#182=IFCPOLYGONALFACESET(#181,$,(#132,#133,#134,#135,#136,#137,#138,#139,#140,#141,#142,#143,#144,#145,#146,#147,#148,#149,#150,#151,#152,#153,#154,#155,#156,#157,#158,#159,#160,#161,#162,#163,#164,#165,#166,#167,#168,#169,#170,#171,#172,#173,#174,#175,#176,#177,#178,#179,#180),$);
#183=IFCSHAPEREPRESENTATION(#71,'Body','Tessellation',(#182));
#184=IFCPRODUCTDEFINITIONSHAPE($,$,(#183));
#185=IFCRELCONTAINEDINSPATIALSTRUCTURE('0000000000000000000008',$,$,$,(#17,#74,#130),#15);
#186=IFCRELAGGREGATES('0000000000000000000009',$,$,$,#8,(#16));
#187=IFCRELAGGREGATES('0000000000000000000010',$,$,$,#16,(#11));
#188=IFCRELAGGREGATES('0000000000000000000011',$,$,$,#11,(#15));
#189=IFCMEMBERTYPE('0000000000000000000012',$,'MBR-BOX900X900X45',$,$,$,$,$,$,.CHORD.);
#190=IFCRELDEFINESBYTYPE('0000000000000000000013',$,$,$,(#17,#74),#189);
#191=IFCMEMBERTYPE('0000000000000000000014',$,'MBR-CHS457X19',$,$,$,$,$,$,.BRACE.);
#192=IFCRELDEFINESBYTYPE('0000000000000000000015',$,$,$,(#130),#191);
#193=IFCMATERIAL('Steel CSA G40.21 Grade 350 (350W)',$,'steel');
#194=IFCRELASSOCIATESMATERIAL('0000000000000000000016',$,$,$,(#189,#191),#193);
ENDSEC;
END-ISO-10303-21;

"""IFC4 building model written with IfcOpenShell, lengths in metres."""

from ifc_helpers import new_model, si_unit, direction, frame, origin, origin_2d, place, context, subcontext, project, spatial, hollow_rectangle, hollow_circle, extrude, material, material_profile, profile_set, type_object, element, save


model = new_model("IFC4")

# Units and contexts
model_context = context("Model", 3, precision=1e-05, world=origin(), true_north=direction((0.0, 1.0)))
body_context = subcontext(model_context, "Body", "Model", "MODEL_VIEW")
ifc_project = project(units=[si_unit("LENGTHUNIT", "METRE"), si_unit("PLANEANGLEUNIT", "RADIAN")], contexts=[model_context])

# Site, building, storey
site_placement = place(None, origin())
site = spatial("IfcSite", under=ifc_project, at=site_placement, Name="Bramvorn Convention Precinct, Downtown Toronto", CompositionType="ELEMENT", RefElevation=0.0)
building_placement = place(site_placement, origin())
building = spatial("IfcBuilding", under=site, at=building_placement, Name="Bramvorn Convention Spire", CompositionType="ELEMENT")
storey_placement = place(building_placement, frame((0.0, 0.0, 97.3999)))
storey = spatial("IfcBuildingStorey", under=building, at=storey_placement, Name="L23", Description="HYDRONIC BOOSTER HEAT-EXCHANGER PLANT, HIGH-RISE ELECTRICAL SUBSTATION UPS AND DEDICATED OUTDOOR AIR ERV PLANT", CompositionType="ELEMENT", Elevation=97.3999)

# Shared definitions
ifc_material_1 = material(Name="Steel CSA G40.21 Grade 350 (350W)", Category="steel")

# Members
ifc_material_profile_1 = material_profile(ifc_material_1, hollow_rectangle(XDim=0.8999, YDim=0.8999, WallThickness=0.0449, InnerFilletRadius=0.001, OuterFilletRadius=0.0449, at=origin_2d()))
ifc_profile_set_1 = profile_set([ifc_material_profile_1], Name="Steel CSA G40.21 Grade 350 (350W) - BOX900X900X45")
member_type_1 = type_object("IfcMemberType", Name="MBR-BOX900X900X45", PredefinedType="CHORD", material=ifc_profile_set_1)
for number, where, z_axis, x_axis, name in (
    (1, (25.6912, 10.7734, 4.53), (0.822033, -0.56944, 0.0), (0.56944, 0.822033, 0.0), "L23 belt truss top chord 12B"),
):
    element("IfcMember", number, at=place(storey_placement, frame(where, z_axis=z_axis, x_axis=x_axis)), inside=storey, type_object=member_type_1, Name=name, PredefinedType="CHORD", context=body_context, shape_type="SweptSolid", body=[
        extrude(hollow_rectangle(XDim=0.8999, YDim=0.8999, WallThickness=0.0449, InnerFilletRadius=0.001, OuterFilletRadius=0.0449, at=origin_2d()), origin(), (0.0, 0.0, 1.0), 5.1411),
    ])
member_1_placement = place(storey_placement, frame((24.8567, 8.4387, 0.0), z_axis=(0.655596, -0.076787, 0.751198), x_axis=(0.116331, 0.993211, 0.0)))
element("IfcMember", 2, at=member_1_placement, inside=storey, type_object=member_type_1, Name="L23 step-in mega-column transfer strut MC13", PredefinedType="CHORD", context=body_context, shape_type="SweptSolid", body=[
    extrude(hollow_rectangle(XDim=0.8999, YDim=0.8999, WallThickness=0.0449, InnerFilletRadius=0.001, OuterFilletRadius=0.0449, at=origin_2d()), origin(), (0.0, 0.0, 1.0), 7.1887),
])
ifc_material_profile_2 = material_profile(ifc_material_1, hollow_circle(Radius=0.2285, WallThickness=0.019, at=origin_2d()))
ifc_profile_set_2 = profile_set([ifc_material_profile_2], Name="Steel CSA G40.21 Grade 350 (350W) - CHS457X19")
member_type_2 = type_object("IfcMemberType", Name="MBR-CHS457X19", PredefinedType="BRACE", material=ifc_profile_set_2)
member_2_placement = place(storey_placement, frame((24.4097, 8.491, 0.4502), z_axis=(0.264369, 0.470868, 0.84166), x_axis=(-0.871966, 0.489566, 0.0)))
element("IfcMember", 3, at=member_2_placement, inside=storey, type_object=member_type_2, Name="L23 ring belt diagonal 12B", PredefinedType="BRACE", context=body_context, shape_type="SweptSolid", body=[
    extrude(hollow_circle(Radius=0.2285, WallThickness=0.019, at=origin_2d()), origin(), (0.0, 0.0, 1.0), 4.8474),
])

-- What the exercise asks --
Extract from the records above the lines from the one containing "building_placement = place(site_placement, origin())" to the one containing "frame((0.0, 0.0, 97.3999)))", both lines included, exactly as they appear and with nothing else.

-- Expected output --
building_placement = place(site_placement, origin())
building = spatial("IfcBuilding", under=site, at=building_placement, Name="Bramvorn Convention Spire", CompositionType="ELEMENT")
storey_placement = place(building_placement, frame((0.0, 0.0, 97.3999)))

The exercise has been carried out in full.